ABOUT THIS TASK » Below are the records; give again exactly the line with "#31=IFCLOCALPLACEMENT(#14,#2);", the line with "#41=IFCPRODUCTDEFINITIONSHAPE($,$,(#40));", and each line that lies between them, and nothing besides.

====== EXERCISE DATA ======

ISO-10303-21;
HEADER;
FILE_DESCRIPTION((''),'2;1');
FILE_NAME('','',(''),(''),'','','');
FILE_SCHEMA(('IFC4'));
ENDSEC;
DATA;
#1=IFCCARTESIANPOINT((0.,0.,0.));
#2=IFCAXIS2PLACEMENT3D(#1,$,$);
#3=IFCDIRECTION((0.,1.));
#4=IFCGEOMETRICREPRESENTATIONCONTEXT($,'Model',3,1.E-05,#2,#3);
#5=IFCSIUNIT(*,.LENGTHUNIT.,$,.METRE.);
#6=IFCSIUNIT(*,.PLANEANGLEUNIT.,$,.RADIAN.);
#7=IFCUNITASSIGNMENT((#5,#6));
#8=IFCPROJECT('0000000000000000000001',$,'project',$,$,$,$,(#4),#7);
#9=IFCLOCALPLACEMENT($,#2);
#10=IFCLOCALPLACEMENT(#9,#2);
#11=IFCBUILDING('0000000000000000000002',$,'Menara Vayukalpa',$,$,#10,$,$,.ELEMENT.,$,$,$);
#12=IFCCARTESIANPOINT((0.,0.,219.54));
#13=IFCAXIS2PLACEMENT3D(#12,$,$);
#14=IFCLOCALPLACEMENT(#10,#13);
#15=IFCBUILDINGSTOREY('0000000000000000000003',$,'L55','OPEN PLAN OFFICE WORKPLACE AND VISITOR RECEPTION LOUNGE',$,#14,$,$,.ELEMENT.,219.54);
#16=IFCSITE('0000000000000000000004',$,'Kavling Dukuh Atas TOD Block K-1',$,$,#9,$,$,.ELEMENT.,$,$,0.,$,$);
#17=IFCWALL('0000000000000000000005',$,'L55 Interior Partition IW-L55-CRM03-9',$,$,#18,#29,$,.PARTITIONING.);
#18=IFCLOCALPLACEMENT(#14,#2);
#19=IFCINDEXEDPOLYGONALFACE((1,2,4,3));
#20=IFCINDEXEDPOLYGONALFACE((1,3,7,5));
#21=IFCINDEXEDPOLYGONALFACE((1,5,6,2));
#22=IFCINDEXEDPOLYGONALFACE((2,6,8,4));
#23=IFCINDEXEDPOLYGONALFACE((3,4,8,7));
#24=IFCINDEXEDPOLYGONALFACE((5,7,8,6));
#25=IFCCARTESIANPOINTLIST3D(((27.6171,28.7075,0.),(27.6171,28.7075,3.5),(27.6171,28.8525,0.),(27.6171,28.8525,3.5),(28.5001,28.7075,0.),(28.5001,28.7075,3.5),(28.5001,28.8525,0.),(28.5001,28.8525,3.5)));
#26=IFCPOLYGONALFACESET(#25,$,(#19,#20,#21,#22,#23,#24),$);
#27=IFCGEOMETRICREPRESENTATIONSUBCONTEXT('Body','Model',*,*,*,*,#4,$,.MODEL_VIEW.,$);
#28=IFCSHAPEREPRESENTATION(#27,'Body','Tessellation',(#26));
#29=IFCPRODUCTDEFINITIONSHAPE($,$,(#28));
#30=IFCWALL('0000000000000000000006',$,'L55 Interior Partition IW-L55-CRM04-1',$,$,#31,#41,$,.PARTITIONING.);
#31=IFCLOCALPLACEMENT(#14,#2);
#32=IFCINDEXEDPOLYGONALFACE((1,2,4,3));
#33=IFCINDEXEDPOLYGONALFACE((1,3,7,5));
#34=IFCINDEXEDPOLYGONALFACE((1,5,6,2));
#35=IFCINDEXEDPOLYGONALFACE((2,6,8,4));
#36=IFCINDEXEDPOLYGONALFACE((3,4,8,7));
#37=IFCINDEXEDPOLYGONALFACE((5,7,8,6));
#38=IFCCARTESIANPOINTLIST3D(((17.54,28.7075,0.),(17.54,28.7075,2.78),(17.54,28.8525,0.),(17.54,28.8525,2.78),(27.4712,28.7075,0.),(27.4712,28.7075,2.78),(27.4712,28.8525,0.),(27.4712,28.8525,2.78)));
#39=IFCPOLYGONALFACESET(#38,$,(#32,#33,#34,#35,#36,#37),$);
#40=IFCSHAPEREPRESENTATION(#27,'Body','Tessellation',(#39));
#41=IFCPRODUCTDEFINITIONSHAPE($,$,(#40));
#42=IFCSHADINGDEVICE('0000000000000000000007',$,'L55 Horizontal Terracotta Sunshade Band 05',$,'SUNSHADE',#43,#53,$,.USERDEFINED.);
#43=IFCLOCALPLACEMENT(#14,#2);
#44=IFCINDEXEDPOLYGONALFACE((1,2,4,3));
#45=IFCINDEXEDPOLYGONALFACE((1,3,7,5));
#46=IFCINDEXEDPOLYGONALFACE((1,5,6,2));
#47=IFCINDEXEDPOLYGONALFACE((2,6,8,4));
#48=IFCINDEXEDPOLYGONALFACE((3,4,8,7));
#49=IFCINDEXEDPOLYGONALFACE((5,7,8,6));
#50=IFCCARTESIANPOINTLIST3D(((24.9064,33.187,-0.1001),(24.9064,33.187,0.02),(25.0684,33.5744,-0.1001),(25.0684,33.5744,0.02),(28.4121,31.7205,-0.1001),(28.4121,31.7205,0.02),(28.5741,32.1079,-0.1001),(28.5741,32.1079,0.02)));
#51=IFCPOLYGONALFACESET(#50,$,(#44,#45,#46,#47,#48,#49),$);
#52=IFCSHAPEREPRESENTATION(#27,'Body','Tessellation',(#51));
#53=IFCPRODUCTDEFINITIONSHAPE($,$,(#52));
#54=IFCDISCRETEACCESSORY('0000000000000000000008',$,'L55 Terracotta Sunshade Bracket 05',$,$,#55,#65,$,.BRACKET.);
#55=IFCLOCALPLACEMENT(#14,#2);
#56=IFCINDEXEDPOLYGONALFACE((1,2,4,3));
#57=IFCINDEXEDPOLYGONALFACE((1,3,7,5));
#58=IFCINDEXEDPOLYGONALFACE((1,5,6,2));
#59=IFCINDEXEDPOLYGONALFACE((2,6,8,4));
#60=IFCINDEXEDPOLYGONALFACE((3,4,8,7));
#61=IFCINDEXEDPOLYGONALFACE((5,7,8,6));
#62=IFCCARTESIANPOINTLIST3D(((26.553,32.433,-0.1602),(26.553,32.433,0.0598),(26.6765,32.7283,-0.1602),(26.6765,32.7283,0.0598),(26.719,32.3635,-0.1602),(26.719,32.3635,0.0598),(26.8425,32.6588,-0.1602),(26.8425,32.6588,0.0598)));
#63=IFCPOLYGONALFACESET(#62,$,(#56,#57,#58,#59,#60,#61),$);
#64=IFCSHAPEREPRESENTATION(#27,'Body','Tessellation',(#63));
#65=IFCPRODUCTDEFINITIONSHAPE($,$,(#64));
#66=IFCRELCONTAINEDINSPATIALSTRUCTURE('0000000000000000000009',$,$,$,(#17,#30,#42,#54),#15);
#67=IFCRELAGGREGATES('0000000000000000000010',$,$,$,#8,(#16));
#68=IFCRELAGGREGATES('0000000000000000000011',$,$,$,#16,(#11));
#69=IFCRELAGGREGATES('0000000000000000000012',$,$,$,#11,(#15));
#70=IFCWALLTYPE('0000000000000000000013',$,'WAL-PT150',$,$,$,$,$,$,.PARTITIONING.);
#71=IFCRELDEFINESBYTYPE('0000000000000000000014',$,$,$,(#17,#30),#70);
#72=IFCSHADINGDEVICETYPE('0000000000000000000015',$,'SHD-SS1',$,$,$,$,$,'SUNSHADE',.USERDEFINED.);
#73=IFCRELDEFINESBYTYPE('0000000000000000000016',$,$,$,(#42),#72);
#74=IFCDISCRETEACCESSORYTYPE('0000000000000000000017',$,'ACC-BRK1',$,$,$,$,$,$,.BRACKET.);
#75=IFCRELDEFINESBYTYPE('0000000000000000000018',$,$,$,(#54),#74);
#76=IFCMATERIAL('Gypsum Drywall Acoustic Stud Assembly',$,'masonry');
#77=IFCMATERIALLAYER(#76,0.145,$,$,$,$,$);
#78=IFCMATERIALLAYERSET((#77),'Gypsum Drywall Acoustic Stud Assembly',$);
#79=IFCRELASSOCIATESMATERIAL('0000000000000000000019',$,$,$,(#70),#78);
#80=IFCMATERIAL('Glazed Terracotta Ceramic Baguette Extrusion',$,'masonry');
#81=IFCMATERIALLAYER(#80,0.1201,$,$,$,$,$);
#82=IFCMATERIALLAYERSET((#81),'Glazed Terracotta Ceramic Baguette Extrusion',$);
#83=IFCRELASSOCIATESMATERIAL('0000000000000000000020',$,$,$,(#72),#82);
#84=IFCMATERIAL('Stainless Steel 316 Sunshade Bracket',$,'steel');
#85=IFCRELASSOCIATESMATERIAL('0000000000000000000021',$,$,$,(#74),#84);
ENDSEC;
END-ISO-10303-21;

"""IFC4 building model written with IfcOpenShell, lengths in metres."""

from ifc_helpers import new_model, si_unit, direction, frame, frame_2d, origin, origin_2d, place, context, subcontext, project, spatial, rectangle, extrude, material, layer, layer_set, type_object, element, save


model = new_model("IFC4")

# Units and contexts
model_context = context("Model", 3, precision=1e-05, world=origin(), true_north=direction((0.0, 1.0)))
body_context = subcontext(model_context, "Body", "Model", "MODEL_VIEW")
ifc_project = project(units=[si_unit("LENGTHUNIT", "METRE"), si_unit("PLANEANGLEUNIT", "RADIAN")], contexts=[model_context])

# Site, building, storey
site_placement = place(None, origin())
site = spatial("IfcSite", under=ifc_project, at=site_placement, Name="Kavling Dukuh Atas TOD Block K-1", CompositionType="ELEMENT", RefElevation=0.0)
building_placement = place(site_placement, origin())
building = spatial("IfcBuilding", under=site, at=building_placement, Name="Menara Vayukalpa", CompositionType="ELEMENT")
storey_placement = place(building_placement, frame((0.0, 0.0, 219.54)))
storey = spatial("IfcBuildingStorey", under=building, at=storey_placement, Name="L55", Description="OPEN PLAN OFFICE WORKPLACE AND VISITOR RECEPTION LOUNGE", CompositionType="ELEMENT", Elevation=219.54)

# Walls
ifc_material_1 = material(Name="Gypsum Drywall Acoustic Stud Assembly", Category="masonry")
ifc_layer_1 = layer(ifc_material_1, 0.145)
ifc_layer_set_1 = layer_set([ifc_layer_1], Name="Gypsum Drywall Acoustic Stud Assembly")
wall_type_1 = type_object("IfcWallType", Name="WAL-PT150", PredefinedType="PARTITIONING", material=ifc_layer_set_1)
wall_1_placement = place(storey_placement, frame((28.5, 28.78, 0.0), z_axis=(0.0, 0.0, 1.0), x_axis=(-1.0, 0.0, 0.0)))
element("IfcWall", 1, at=wall_1_placement, inside=storey, type_object=wall_type_1, Name="L55 Interior Partition IW-L55-CRM03-9", PredefinedType="PARTITIONING", context=body_context, shape_type="SweptSolid", body=[
    extrude(rectangle(XDim=0.8831, YDim=0.145, at=frame_2d((0.4414, 0.0))), origin(), (0.0, 0.0, 1.0), 3.5),
])
wall_2_placement = place(storey_placement, frame((27.4712, 28.78, 0.0), z_axis=(0.0, 0.0, 1.0), x_axis=(-1.0, 0.0, 0.0)))
element("IfcWall", 2, at=wall_2_placement, inside=storey, type_object=wall_type_1, Name="L55 Interior Partition IW-L55-CRM04-1", PredefinedType="PARTITIONING", context=body_context, shape_type="SweptSolid", body=[
    extrude(rectangle(XDim=9.9312, YDim=0.145, at=frame_2d((4.9656, 0.0))), origin(), (0.0, 0.0, 1.0), 2.78),
])

# Shading device
ifc_material_2 = material(Name="Glazed Terracotta Ceramic Baguette Extrusion", Category="masonry")
ifc_layer_2 = layer(ifc_material_2, 0.1201)
ifc_layer_set_2 = layer_set([ifc_layer_2], Name="Glazed Terracotta Ceramic Baguette Extrusion")
shading_device_type = type_object("IfcShadingDeviceType", Name="SHD-SS1", ElementType="SUNSHADE", PredefinedType="USERDEFINED", material=ifc_layer_set_2)
shading_device_placement = place(storey_placement, frame((26.7402, 32.6475, -0.1001), z_axis=(0.0, 0.0, 1.0), x_axis=(-0.922538, 0.385906, 0.0)))
element("IfcShadingDevice", 3, at=shading_device_placement, inside=storey, type_object=shading_device_type, Name="L55 Horizontal Terracotta Sunshade Band 05", ObjectType="SUNSHADE", PredefinedType="USERDEFINED", context=body_context, shape_type="SweptSolid", body=[
    extrude(rectangle(XDim=3.8, YDim=0.4199, at=origin_2d()), origin(), (0.0, 0.0, 1.0), 0.1201),
])

# Discrete accessory
ifc_material_3 = material(Name="Stainless Steel 316 Sunshade Bracket", Category="steel")
discrete_accessory_type = type_object("IfcDiscreteAccessoryType", Name="ACC-BRK1", PredefinedType="BRACKET", material=ifc_material_3)
discrete_accessory_placement = place(storey_placement, frame((26.6978, 32.5459, -0.1602), z_axis=(0.0, 0.0, 1.0), x_axis=(-0.922538, 0.385906, 0.0)))
element("IfcDiscreteAccessory", 4, at=discrete_accessory_placement, inside=storey, type_object=discrete_accessory_type, Name="L55 Terracotta Sunshade Bracket 05", PredefinedType="BRACKET", context=body_context, shape_type="SweptSolid", body=[
    extrude(rectangle(XDim=0.1799, YDim=0.3201, at=origin_2d()), origin(), (0.0, 0.0, 1.0), 0.22),
])

save(model, "model.ifc")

======

RESPONSE »
#31=IFCLOCALPLACEMENT(#14,#2);
#32=IFCINDEXEDPOLYGONALFACE((1,2,4,3));
#33=IFCINDEXEDPOLYGONALFACE((1,3,7,5));
#34=IFCINDEXEDPOLYGONALFACE((1,5,6,2));
#35=IFCINDEXEDPOLYGONALFACE((2,6,8,4));
#36=IFCINDEXEDPOLYGONALFACE((3,4,8,7));
#37=IFCINDEXEDPOLYGONALFACE((5,7,8,6));
#38=IFCCARTESIANPOINTLIST3D(((17.54,28.7075,0.),(17.54,28.7075,2.78),(17.54,28.8525,0.),(17.54,28.8525,2.78),(27.4712,28.7075,0.),(27.4712,28.7075,2.78),(27.4712,28.8525,0.),(27.4712,28.8525,2.78)));
#39=IFCPOLYGONALFACESET(#38,$,(#32,#33,#34,#35,#36,#37),$);
#40=IFCSHAPEREPRESENTATION(#27,'Body','Tessellation',(#39));
#41=IFCPRODUCTDEFINITIONSHAPE($,$,(#40));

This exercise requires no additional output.